What is needed.
Copy nothing but the lines below running from the line containing "#4=IFCGEOMETRICREPRESENTATIONCONTEXT($,'Model',3,1.E-05,#2,#3);" through the line containing "#22=IFCINDEXEDPOLYGONALFACE((2,14,16,4));", both end lines included.
=== Source material ===
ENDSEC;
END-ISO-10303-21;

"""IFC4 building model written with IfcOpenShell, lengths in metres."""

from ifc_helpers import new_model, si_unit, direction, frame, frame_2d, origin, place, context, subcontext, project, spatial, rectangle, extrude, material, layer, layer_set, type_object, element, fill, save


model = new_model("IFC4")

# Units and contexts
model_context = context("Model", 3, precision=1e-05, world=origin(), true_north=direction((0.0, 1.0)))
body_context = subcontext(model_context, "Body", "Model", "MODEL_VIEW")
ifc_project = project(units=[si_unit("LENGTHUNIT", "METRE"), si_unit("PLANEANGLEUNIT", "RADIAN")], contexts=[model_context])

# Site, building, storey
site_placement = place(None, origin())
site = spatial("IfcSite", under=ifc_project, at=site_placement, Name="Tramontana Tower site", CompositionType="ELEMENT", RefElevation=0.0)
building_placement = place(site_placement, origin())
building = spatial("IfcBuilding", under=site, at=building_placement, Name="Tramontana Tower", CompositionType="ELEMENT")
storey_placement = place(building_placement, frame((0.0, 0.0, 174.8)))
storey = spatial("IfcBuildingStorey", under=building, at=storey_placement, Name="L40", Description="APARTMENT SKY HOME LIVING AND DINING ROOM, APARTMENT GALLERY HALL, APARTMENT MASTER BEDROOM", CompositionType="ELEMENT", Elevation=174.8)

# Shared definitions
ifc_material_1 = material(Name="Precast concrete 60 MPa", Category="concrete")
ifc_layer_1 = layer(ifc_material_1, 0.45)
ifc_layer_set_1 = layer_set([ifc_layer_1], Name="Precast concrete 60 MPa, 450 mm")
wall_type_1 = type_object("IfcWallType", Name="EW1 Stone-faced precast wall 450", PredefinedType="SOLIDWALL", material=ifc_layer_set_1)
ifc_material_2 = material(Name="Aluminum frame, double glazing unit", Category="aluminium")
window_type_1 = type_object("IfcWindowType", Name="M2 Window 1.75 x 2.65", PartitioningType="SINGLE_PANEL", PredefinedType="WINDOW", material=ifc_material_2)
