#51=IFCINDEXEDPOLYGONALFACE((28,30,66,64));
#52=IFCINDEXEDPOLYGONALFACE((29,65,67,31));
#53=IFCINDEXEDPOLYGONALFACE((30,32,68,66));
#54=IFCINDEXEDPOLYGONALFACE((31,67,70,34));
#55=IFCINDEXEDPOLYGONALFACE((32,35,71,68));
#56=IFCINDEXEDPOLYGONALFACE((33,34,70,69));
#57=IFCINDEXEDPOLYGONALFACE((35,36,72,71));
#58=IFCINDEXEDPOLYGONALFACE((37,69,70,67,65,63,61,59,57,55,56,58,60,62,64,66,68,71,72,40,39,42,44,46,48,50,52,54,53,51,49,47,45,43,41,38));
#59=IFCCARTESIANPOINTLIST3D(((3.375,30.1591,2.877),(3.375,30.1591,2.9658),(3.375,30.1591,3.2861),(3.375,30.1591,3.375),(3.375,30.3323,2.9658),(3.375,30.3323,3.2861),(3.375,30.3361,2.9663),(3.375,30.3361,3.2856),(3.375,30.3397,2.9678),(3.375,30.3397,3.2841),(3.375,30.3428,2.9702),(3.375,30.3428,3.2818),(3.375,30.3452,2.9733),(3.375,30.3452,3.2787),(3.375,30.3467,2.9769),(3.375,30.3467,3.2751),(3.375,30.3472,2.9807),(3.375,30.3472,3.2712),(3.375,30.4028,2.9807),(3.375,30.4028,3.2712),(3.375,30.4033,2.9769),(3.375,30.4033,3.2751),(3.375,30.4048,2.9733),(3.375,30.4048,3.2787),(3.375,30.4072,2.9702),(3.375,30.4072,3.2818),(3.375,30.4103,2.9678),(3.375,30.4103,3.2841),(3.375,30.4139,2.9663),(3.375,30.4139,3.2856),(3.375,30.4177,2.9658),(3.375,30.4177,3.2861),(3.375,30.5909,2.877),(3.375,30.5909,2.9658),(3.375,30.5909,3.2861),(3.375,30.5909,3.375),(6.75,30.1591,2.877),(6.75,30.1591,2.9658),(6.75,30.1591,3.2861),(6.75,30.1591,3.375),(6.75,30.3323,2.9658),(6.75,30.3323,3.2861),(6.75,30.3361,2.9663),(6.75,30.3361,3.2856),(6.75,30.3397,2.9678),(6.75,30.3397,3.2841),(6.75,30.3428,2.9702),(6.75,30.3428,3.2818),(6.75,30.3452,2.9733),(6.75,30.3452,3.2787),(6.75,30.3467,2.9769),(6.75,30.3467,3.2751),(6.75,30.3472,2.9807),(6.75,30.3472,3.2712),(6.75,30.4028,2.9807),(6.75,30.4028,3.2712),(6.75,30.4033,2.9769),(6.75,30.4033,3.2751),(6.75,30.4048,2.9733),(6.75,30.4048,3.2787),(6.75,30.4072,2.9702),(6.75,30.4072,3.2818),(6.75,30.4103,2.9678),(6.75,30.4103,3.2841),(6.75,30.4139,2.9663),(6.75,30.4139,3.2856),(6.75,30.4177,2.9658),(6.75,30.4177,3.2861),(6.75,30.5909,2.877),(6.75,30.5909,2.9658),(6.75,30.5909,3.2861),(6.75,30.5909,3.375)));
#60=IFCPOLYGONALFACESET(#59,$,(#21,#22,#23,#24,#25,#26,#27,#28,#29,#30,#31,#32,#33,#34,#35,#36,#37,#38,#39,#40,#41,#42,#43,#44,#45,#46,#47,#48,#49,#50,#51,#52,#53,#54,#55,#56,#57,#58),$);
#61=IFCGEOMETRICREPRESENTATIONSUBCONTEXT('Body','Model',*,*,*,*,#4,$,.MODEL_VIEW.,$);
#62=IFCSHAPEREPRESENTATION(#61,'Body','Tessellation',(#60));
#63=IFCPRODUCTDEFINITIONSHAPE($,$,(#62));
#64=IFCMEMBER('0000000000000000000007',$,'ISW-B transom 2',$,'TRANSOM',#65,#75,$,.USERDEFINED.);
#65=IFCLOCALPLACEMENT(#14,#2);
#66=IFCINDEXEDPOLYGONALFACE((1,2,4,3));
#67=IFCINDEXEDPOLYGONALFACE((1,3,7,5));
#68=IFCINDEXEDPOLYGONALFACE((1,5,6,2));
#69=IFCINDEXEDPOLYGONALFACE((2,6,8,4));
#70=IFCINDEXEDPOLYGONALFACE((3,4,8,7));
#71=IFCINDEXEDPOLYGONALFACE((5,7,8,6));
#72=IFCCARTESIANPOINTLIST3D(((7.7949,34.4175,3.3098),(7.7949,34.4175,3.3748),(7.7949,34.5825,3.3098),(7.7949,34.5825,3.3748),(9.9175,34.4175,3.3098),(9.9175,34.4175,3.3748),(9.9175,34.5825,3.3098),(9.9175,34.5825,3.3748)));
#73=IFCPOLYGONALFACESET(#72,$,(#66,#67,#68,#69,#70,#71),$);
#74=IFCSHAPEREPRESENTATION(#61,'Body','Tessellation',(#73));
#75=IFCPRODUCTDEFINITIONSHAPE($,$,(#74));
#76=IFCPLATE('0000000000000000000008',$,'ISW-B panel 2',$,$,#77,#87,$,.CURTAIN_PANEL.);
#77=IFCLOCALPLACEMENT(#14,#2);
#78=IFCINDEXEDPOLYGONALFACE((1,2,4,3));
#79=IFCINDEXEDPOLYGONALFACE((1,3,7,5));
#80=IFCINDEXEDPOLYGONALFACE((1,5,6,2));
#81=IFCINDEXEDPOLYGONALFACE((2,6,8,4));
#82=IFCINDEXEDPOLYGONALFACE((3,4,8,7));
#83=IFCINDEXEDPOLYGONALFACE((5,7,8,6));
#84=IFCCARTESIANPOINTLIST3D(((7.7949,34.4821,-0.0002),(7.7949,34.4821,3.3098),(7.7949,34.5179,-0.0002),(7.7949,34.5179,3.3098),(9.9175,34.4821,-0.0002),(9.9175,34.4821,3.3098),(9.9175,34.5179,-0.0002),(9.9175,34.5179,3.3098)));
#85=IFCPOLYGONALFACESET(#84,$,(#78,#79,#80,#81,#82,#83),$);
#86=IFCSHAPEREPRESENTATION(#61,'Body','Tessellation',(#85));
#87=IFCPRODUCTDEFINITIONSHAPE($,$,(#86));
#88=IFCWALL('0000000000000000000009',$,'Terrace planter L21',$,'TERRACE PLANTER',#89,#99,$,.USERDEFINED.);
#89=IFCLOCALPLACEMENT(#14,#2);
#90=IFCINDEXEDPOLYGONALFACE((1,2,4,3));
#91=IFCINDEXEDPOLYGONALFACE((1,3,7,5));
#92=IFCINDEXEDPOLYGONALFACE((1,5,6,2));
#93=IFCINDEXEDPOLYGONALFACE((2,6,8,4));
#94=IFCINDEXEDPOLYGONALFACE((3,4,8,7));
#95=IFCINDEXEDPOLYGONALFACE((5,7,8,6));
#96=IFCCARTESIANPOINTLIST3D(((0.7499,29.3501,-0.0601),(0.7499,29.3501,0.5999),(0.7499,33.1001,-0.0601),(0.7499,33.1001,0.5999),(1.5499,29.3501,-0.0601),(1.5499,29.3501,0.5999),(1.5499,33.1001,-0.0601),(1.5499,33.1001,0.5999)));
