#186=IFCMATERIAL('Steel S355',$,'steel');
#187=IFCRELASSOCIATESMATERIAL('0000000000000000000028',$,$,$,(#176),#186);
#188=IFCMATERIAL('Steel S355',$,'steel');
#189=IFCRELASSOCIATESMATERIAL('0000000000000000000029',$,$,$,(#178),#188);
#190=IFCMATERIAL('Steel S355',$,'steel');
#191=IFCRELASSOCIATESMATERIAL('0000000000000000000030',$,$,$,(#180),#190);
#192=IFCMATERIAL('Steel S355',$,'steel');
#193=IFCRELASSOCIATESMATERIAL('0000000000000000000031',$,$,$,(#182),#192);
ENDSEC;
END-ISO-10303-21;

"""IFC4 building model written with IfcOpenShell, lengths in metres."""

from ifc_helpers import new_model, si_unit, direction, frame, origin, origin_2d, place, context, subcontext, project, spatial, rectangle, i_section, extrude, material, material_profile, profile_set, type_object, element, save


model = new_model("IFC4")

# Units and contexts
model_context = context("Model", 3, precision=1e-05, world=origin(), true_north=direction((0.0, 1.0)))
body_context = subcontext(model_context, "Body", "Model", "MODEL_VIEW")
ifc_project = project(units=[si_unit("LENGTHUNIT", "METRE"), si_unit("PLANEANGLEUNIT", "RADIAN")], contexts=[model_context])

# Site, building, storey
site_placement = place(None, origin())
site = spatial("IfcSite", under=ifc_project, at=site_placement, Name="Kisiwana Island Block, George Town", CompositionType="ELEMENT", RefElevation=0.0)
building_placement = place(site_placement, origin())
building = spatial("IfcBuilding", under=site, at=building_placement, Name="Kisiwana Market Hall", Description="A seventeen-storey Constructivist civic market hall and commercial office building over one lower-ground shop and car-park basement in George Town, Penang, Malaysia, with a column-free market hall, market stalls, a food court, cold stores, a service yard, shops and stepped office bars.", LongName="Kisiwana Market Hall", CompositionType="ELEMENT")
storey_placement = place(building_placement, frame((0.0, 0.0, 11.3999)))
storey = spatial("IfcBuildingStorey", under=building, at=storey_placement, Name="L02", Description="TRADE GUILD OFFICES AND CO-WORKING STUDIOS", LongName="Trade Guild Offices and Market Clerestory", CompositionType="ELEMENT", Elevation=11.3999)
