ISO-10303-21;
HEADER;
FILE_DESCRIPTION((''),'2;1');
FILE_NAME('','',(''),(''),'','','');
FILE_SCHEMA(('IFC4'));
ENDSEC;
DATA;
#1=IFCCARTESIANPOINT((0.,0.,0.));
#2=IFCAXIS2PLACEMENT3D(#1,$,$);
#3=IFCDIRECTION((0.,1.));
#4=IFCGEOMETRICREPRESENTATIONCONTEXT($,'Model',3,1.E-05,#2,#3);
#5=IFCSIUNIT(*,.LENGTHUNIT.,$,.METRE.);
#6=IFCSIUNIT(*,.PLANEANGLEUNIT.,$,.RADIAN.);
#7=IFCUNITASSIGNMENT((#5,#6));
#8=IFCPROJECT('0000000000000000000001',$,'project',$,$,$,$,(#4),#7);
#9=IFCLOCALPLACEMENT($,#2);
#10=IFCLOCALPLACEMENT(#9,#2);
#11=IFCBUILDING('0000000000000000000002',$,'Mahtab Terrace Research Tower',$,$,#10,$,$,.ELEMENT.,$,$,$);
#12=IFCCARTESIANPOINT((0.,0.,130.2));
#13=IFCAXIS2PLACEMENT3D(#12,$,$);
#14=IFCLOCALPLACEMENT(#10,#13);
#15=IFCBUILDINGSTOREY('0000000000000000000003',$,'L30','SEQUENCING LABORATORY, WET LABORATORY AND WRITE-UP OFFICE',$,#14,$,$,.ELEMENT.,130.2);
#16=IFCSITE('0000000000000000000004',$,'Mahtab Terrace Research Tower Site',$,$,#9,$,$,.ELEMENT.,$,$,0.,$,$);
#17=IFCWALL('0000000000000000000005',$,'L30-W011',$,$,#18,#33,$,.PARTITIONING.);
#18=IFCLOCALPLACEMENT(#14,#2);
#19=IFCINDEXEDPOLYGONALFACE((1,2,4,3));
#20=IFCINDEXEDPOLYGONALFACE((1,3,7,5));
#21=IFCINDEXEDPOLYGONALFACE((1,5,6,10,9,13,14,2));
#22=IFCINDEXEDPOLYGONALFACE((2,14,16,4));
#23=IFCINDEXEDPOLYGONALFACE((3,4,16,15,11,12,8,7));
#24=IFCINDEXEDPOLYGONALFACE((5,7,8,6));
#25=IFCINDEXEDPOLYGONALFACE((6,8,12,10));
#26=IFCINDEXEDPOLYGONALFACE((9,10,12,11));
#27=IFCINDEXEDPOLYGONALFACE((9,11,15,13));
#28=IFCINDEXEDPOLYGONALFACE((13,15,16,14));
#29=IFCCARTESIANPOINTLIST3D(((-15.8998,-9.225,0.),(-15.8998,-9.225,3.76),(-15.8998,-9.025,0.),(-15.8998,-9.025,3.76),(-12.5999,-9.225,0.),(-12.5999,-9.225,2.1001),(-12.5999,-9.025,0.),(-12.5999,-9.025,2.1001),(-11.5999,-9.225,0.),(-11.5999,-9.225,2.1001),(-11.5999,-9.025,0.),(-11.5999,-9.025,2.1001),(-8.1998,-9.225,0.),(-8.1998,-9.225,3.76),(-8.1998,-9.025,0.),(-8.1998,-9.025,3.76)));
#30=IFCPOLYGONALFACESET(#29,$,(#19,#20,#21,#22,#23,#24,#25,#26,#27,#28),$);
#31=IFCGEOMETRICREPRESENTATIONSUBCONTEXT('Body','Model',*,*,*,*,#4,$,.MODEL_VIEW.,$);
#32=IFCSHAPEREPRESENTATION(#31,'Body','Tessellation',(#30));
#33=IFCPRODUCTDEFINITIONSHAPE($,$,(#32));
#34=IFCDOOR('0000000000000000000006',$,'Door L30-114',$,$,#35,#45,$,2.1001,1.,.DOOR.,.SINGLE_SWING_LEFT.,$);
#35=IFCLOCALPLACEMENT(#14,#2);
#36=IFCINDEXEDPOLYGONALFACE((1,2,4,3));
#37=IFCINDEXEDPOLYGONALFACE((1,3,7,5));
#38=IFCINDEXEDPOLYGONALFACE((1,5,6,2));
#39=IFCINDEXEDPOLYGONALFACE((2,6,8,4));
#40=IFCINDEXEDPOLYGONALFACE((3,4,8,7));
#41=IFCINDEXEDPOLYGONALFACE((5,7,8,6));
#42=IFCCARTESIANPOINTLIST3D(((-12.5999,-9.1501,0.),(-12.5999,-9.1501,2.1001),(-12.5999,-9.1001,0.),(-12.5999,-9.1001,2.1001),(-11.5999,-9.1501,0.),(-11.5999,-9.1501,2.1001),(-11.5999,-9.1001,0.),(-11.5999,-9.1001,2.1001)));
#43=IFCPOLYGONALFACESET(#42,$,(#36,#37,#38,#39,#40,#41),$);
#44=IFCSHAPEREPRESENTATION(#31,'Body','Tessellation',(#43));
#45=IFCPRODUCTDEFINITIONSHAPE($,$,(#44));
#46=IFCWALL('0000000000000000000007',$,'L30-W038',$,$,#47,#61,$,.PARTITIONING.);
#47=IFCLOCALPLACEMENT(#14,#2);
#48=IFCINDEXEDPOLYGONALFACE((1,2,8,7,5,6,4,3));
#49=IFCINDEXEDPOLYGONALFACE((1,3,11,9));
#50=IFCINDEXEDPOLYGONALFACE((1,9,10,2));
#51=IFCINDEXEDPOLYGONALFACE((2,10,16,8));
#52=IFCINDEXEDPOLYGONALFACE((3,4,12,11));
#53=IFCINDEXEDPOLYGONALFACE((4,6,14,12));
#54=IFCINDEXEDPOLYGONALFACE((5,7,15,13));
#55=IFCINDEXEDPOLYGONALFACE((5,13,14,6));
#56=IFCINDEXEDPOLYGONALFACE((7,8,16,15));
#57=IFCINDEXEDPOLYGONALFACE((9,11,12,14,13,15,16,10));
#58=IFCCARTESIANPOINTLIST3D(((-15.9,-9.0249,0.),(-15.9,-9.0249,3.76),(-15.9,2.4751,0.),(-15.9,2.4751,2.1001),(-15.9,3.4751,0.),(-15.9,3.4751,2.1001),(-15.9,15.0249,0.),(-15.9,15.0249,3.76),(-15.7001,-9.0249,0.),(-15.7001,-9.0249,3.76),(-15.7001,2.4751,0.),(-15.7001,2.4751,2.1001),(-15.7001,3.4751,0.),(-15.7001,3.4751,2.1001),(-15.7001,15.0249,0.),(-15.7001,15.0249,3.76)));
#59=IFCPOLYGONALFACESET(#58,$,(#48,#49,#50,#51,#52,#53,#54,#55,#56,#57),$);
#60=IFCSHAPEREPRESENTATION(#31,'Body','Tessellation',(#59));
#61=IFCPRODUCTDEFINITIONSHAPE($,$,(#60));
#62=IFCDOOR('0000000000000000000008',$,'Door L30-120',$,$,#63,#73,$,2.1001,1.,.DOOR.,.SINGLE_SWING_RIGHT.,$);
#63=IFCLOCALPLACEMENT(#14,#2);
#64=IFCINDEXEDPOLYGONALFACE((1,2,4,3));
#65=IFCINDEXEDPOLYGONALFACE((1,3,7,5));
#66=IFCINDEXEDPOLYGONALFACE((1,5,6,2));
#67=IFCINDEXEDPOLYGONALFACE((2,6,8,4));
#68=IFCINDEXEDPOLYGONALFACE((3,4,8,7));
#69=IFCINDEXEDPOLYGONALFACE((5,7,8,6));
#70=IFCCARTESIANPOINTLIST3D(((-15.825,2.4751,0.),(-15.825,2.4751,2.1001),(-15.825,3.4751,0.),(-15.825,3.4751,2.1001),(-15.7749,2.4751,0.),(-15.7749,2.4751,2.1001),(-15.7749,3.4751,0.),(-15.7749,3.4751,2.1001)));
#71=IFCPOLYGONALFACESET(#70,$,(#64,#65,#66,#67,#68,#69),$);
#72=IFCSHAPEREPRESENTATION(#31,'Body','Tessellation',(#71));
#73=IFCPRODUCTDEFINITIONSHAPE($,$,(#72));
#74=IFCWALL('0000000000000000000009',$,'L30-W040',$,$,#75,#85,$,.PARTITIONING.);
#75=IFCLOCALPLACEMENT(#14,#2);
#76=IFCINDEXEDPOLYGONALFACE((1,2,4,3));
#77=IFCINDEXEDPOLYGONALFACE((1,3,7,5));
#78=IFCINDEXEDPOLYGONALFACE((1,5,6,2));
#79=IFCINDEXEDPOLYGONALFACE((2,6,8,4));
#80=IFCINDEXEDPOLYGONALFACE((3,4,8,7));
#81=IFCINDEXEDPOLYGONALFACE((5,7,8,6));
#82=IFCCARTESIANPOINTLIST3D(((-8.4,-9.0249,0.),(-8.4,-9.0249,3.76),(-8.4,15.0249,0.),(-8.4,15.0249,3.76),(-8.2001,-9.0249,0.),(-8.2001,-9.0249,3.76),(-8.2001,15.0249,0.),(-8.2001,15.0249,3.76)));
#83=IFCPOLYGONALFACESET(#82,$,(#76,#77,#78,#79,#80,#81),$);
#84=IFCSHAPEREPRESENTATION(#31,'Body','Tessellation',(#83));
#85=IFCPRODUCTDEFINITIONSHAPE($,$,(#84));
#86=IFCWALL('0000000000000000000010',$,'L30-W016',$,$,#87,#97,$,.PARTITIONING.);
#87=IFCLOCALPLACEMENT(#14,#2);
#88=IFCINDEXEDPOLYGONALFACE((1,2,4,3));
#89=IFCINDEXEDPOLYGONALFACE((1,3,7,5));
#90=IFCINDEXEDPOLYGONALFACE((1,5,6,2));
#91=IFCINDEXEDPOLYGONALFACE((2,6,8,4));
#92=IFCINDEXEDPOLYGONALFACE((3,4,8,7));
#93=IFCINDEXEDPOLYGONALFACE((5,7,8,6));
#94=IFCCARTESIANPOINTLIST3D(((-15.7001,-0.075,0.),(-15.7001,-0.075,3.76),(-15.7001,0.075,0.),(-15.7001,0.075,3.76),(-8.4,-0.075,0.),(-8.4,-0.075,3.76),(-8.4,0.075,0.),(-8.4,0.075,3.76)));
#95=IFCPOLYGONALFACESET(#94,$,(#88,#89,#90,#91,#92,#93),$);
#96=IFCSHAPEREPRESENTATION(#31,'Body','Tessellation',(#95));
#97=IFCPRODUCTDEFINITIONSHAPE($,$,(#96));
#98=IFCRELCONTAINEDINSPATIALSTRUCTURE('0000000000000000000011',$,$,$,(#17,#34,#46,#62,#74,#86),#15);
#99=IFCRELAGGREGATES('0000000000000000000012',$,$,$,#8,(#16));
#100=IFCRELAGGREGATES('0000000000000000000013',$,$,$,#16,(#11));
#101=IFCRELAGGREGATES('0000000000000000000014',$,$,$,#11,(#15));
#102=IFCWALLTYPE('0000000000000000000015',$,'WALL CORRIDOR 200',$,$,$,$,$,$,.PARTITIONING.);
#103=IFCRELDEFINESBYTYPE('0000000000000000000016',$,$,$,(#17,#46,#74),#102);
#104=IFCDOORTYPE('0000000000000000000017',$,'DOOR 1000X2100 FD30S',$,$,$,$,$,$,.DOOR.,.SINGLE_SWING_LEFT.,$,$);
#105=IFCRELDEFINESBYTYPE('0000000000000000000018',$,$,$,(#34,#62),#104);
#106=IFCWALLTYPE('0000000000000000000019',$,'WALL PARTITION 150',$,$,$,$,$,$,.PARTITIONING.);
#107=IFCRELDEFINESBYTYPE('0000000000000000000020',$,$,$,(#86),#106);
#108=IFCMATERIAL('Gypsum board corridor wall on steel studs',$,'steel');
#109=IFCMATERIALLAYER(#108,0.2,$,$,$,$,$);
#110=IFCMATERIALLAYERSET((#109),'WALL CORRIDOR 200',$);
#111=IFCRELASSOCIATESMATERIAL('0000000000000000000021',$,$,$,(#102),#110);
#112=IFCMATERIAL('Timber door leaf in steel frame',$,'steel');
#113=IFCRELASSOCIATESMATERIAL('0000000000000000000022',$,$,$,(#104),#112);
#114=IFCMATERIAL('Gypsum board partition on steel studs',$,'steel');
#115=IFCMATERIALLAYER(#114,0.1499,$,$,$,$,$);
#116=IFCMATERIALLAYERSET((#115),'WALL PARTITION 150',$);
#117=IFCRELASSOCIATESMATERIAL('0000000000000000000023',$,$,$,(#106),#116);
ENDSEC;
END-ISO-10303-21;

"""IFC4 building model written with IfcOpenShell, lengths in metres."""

from ifc_helpers import new_model, si_unit, direction, frame, frame_2d, origin, place, context, subcontext, project, spatial, rectangle, extrude, material, layer, layer_set, type_object, element, fill, save


model = new_model("IFC4")

# Units and contexts
model_context = context("Model", 3, precision=1e-05, world=origin(), true_north=direction((0.0, 1.0)))
body_context = subcontext(model_context, "Body", "Model", "MODEL_VIEW")
ifc_project = project(units=[si_unit("LENGTHUNIT", "METRE"), si_unit("PLANEANGLEUNIT", "RADIAN")], contexts=[model_context])

# Site, building, storey
site_placement = place(None, origin())
site = spatial("IfcSite", under=ifc_project, at=site_placement, Name="Mahtab Terrace Research Tower Site", CompositionType="ELEMENT", RefElevation=0.0)
building_placement = place(site_placement, origin())
building = spatial("IfcBuilding", under=site, at=building_placement, Name="Mahtab Terrace Research Tower", CompositionType="ELEMENT")
storey_placement = place(building_placement, frame((0.0, 0.0, 130.2)))
storey = spatial("IfcBuildingStorey", under=building, at=storey_placement, Name="L30", Description="SEQUENCING LABORATORY, WET LABORATORY AND WRITE-UP OFFICE", CompositionType="ELEMENT", Elevation=130.2)

# Walls, openings, doors
ifc_material_1 = material(Name="Gypsum board corridor wall on steel studs", Category="steel")
ifc_layer_1 = layer(ifc_material_1, 0.2)
ifc_layer_set_1 = layer_set([ifc_layer_1], Name="WALL CORRIDOR 200")
wall_type_1 = type_object("IfcWallType", Name="WALL CORRIDOR 200", PredefinedType="PARTITIONING", material=ifc_layer_set_1)
ifc_material_2 = material(Name="Timber door leaf in steel frame", Category="steel")
wall_1_placement = place(storey_placement, frame((-15.8999, -9.125, 0.0), z_axis=(0.0, 0.0, 1.0), x_axis=(1.0, 0.0, 0.0)))
wall_1 = element("IfcWall", 1, at=wall_1_placement, inside=storey, type_object=wall_type_1, Name="L30-W011", PredefinedType="PARTITIONING", context=body_context, shape_type="SweptSolid", body=[
    extrude(rectangle(XDim=7.7, YDim=0.2, at=frame_2d((3.8501, 0.0))), origin(), (0.0, 0.0, 1.0), 3.76),
])
opening_1_placement = place(wall_1_placement, frame((3.3, 0.0, 0.0)))
opening_1 = element("IfcOpeningElement", 2, at=opening_1_placement, cuts=wall_1, PredefinedType="OPENING", context=body_context, shape_type="SweptSolid", body=[
    extrude(rectangle(XDim=1.0, YDim=2.1001, at=frame_2d((0.5, 1.05))), frame((0.0, 0.1099, 0.0), z_axis=(0.0, -1.0, 0.0), x_axis=(1.0, 0.0, 0.0)), (0.0, 0.0, 1.0), 0.22),
])
door_type_1 = type_object("IfcDoorType", Name="DOOR 1000X2100 FD30S", OperationType="SINGLE_SWING_LEFT", PredefinedType="DOOR", material=ifc_material_2)
door_1_placement = place(opening_1_placement, origin())
door_1 = element("IfcDoor", 3, at=door_1_placement, inside=storey, type_object=door_type_1, Name="Door L30-114", OperationType="SINGLE_SWING_LEFT", OverallHeight=2.1001, OverallWidth=1.0, PredefinedType="DOOR", context=body_context, shape_type="SweptSolid", body=[
    extrude(rectangle(XDim=1.0, YDim=2.1001, at=frame_2d((0.5, 1.05))), frame((0.0, 0.0249, 0.0), z_axis=(0.0, -1.0, 0.0), x_axis=(1.0, 0.0, 0.0)), (0.0, 0.0, 1.0), 0.05),
])
fill(opening_1, door_1)
wall_2_placement = place(storey_placement, frame((-15.8, -9.0249, 0.0), z_axis=(0.0, 0.0, 1.0), x_axis=(0.0, 1.0, 0.0)))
===
Solution to this task.
#4=IFCGEOMETRICREPRESENTATIONCONTEXT($,'Model',3,1.E-05,#2,#3);
#5=IFCSIUNIT(*,.LENGTHUNIT.,$,.METRE.);
#6=IFCSIUNIT(*,.PLANEANGLEUNIT.,$,.RADIAN.);
#7=IFCUNITASSIGNMENT((#5,#6));
#8=IFCPROJECT('0000000000000000000001',$,'project',$,$,$,$,(#4),#7);
#9=IFCLOCALPLACEMENT($,#2);
#10=IFCLOCALPLACEMENT(#9,#2);
#11=IFCBUILDING('0000000000000000000002',$,'Mahtab Terrace Research Tower',$,$,#10,$,$,.ELEMENT.,$,$,$);
#12=IFCCARTESIANPOINT((0.,0.,130.2));
#13=IFCAXIS2PLACEMENT3D(#12,$,$);
#14=IFCLOCALPLACEMENT(#10,#13);
#15=IFCBUILDINGSTOREY('0000000000000000000003',$,'L30','SEQUENCING LABORATORY, WET LABORATORY AND WRITE-UP OFFICE',$,#14,$,$,.ELEMENT.,130.2);
#16=IFCSITE('0000000000000000000004',$,'Mahtab Terrace Research Tower Site',$,$,#9,$,$,.ELEMENT.,$,$,0.,$,$);
#17=IFCWALL('0000000000000000000005',$,'L30-W011',$,$,#18,#33,$,.PARTITIONING.);
#18=IFCLOCALPLACEMENT(#14,#2);
#19=IFCINDEXEDPOLYGONALFACE((1,2,4,3));
#20=IFCINDEXEDPOLYGONALFACE((1,3,7,5));
#21=IFCINDEXEDPOLYGONALFACE((1,5,6,10,9,13,14,2));
#22=IFCINDEXEDPOLYGONALFACE((2,14,16,4));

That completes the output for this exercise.